**LISTED ENTRIES**
<<<<

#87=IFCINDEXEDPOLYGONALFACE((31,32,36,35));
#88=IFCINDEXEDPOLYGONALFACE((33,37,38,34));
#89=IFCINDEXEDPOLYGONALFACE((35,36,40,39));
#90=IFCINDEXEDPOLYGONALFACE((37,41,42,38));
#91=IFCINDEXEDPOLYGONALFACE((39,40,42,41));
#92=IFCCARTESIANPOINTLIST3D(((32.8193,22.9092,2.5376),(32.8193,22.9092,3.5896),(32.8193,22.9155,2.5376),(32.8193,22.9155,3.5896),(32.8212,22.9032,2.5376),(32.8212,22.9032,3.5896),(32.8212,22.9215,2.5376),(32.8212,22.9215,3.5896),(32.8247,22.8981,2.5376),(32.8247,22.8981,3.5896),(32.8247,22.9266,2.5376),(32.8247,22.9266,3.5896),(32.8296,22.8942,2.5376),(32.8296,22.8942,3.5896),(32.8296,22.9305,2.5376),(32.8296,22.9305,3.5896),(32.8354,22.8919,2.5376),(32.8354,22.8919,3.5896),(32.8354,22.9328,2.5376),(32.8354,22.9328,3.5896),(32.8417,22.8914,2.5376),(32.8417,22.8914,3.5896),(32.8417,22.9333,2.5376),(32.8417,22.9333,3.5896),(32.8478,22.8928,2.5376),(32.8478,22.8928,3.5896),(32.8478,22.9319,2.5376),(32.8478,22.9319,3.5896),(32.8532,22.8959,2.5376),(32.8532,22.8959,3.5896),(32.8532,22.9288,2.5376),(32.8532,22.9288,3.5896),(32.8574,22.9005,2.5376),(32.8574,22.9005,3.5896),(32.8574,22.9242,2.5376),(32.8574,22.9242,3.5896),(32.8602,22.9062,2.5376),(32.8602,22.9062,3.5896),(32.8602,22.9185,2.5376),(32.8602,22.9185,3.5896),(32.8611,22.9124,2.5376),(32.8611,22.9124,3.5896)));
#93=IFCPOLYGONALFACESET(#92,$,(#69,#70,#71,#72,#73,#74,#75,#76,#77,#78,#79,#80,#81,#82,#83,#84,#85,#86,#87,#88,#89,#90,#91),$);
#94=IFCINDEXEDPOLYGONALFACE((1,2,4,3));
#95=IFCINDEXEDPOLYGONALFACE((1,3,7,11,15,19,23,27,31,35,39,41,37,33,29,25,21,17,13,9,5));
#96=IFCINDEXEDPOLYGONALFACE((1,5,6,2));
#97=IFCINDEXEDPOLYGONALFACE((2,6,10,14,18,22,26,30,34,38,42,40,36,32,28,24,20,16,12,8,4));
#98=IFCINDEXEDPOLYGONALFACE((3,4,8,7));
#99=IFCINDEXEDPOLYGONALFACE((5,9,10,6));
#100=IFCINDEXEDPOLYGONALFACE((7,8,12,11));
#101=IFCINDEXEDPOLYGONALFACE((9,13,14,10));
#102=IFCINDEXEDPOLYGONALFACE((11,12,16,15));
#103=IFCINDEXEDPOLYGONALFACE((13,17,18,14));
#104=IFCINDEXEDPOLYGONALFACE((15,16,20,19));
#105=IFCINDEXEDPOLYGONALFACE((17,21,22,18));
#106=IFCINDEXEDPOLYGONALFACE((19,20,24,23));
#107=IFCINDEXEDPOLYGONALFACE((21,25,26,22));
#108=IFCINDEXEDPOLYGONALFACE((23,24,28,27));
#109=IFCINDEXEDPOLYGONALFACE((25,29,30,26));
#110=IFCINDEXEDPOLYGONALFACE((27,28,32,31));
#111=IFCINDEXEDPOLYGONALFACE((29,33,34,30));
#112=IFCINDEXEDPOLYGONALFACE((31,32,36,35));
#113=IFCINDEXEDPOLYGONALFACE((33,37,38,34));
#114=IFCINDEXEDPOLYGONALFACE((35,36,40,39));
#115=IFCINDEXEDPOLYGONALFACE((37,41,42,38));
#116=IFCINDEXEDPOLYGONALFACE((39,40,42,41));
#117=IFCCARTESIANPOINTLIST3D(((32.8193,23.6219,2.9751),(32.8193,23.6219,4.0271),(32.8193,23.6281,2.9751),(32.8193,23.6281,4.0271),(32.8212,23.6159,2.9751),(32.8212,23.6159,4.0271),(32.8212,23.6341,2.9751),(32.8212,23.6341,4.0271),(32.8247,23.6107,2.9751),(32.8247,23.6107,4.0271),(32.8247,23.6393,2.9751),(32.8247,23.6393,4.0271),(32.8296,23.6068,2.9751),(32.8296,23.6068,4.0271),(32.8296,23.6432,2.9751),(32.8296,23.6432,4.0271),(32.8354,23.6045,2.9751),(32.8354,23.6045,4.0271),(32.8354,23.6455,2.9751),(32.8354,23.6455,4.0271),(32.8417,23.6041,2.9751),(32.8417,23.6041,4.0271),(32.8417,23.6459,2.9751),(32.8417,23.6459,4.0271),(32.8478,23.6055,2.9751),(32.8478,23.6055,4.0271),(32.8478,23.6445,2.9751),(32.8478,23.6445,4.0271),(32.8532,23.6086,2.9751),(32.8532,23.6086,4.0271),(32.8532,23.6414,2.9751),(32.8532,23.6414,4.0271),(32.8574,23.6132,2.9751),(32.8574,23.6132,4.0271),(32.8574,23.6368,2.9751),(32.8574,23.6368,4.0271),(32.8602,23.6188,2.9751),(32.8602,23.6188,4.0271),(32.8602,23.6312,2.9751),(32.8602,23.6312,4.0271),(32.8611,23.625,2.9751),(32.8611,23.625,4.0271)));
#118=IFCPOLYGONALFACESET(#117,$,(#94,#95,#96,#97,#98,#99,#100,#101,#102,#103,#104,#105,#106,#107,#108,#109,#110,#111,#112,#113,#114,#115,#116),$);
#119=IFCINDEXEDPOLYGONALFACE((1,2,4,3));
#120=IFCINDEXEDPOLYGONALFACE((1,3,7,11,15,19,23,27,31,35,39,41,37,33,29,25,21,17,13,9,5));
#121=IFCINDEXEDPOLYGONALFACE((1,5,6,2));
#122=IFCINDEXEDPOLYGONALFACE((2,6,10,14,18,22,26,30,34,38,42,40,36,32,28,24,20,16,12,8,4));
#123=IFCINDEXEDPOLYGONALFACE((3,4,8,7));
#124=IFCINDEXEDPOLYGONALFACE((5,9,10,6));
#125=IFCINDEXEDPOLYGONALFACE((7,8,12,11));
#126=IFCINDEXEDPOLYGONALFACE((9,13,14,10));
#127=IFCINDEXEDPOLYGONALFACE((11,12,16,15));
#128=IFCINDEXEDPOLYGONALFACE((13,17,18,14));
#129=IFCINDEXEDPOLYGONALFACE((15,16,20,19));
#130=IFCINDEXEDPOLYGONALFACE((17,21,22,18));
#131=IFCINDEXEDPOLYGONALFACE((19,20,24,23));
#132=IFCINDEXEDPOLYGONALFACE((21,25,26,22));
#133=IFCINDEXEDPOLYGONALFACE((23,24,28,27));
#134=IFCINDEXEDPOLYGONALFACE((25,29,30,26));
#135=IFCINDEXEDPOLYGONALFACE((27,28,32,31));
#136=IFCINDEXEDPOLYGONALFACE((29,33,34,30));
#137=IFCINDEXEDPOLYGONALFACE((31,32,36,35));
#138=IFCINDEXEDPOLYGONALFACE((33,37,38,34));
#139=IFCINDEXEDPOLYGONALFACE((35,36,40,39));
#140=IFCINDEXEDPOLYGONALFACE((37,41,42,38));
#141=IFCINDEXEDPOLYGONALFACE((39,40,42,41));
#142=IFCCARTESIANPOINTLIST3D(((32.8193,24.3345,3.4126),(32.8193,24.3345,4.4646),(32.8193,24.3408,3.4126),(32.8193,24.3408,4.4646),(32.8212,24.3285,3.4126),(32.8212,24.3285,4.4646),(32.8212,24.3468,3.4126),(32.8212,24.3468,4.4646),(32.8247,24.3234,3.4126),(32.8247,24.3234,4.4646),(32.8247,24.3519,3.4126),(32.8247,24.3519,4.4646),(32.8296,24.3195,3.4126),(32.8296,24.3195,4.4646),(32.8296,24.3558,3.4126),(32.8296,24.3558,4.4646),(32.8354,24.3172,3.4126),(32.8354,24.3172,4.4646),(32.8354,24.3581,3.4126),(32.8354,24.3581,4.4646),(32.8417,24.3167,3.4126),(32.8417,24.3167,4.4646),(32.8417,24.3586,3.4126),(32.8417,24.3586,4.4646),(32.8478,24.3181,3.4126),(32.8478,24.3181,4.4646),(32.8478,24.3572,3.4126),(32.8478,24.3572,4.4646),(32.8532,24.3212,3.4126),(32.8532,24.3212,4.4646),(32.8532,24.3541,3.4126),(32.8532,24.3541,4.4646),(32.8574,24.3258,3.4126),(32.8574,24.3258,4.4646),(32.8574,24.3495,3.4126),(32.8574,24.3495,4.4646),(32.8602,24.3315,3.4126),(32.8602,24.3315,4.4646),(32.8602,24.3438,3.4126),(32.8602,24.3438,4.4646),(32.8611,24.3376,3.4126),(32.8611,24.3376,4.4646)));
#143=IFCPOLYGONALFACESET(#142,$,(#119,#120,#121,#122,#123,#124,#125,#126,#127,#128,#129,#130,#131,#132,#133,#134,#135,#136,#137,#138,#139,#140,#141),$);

>>>>

**THE PROBLEM**
When a line in the material above holds the word "IFCPOLYGONALFACESET", copy that line.

**EXERCISE RESPONSE**
#93=IFCPOLYGONALFACESET(#92,$,(#69,#70,#71,#72,#73,#74,#75,#76,#77,#78,#79,#80,#81,#82,#83,#84,#85,#86,#87,#88,#89,#90,#91),$);
#118=IFCPOLYGONALFACESET(#117,$,(#94,#95,#96,#97,#98,#99,#100,#101,#102,#103,#104,#105,#106,#107,#108,#109,#110,#111,#112,#113,#114,#115,#116),$);
#143=IFCPOLYGONALFACESET(#142,$,(#119,#120,#121,#122,#123,#124,#125,#126,#127,#128,#129,#130,#131,#132,#133,#134,#135,#136,#137,#138,#139,#140,#141),$);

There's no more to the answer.